● PROMPT: Count the lines below with the string "JOIST" in them. Only the number should be given.

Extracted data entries
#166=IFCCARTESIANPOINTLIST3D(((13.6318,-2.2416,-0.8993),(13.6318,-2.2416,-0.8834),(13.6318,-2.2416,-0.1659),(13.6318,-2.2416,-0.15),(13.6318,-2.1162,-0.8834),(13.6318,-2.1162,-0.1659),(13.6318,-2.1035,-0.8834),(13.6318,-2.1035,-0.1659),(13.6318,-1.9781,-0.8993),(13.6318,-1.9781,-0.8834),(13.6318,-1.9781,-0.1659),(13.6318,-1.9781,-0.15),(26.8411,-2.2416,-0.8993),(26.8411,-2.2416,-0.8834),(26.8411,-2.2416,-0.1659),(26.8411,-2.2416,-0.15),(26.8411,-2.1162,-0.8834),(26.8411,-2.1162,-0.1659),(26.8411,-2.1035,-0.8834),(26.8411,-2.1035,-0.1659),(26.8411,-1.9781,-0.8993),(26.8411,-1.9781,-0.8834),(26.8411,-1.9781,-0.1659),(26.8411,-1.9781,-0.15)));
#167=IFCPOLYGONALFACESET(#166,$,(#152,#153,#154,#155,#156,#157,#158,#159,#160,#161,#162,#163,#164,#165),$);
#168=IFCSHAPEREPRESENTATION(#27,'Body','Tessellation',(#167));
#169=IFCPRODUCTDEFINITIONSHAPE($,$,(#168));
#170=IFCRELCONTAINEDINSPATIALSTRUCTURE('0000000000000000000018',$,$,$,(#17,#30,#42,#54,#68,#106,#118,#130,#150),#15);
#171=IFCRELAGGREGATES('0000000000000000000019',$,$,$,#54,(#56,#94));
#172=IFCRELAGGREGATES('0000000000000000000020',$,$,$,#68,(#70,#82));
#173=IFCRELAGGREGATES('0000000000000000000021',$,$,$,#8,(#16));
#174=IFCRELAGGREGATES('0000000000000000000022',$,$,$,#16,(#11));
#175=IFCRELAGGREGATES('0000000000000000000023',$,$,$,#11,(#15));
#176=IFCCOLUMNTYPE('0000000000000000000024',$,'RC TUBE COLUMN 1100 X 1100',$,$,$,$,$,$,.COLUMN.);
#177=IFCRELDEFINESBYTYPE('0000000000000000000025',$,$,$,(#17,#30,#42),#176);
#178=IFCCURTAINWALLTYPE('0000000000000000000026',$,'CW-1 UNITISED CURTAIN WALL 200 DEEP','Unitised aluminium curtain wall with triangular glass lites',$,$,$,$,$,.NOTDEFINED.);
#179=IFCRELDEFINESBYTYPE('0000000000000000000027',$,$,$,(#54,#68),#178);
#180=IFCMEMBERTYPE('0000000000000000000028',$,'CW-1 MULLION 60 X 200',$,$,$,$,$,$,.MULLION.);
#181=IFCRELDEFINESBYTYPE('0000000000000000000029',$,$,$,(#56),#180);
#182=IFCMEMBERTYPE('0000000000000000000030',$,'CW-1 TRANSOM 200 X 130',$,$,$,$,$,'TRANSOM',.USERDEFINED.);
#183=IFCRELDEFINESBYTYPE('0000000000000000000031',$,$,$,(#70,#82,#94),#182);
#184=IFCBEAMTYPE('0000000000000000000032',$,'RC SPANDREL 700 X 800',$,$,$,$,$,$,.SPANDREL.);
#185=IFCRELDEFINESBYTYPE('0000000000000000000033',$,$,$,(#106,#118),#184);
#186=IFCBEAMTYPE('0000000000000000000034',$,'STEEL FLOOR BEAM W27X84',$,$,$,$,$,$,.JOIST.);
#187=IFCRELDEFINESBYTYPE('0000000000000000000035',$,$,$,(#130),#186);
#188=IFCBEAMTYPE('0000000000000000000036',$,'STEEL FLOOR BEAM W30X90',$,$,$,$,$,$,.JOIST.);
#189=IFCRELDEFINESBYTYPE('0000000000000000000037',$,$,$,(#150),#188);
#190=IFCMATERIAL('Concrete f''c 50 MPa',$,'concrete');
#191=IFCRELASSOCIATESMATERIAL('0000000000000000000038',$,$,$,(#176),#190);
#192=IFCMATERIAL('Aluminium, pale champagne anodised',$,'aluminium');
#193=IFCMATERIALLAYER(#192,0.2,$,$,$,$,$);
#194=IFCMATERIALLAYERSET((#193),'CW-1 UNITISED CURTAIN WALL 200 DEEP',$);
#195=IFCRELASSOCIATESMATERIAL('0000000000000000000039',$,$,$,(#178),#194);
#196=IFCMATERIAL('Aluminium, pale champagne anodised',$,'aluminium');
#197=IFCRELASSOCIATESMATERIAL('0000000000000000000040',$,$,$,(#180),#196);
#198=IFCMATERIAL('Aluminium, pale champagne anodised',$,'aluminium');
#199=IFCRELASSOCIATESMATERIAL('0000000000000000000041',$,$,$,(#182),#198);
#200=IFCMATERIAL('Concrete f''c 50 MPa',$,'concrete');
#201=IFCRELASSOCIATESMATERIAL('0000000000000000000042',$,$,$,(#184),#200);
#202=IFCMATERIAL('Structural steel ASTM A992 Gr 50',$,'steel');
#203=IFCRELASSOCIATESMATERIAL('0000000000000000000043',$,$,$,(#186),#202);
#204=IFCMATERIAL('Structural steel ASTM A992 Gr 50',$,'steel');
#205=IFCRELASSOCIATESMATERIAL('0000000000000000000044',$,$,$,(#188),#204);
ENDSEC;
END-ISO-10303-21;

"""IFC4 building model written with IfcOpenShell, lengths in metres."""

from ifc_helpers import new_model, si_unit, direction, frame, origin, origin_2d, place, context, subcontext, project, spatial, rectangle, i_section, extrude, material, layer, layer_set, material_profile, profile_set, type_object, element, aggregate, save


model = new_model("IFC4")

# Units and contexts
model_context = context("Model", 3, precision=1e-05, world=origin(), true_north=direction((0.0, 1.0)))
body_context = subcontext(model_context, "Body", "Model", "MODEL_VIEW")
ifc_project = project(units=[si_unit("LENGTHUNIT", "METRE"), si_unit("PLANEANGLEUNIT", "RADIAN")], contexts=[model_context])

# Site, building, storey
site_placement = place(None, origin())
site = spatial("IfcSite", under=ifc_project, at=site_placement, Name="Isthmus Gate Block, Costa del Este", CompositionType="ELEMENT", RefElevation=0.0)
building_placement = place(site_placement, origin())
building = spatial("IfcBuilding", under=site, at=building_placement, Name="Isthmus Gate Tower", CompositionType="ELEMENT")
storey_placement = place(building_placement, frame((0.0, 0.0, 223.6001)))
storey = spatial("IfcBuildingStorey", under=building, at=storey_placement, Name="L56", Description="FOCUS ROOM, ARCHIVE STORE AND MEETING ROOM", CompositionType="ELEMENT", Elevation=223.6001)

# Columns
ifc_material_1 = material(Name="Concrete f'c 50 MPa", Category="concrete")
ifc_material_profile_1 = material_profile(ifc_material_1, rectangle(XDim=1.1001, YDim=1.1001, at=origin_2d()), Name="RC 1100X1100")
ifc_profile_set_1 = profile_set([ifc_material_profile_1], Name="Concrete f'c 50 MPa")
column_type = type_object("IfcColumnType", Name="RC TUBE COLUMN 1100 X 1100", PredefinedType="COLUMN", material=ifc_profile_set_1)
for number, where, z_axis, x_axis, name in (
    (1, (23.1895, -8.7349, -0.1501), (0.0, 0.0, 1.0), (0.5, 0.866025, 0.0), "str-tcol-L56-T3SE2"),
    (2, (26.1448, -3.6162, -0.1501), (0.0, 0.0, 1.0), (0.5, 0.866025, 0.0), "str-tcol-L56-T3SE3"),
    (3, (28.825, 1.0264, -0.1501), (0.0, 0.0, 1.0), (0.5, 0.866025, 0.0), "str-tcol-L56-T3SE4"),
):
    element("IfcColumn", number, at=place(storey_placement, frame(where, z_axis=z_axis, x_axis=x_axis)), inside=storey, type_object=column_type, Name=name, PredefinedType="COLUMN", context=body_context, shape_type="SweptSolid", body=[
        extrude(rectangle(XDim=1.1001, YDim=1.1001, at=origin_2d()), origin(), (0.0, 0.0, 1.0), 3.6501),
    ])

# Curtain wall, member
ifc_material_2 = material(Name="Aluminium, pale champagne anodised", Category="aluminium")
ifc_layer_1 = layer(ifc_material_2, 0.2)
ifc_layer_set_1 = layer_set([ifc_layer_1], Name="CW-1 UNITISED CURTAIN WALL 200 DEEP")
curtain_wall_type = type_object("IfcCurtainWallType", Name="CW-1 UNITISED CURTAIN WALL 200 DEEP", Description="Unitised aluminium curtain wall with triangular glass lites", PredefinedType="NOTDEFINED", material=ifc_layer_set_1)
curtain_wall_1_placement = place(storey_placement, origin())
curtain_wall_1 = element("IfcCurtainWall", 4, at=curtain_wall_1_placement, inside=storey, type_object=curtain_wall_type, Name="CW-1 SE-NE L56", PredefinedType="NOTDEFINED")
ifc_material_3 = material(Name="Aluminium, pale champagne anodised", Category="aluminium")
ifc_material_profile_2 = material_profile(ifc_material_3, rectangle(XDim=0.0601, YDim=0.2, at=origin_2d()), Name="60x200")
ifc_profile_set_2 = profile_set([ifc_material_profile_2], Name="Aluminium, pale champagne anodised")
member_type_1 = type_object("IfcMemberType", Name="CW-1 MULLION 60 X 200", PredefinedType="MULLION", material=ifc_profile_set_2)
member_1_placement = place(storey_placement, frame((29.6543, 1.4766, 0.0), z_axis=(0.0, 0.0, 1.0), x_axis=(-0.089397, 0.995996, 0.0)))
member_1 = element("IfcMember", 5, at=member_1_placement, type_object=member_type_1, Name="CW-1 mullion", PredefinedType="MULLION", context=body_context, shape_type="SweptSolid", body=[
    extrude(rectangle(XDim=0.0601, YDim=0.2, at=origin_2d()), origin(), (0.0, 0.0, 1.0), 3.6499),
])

● FINAL ANSWER: 2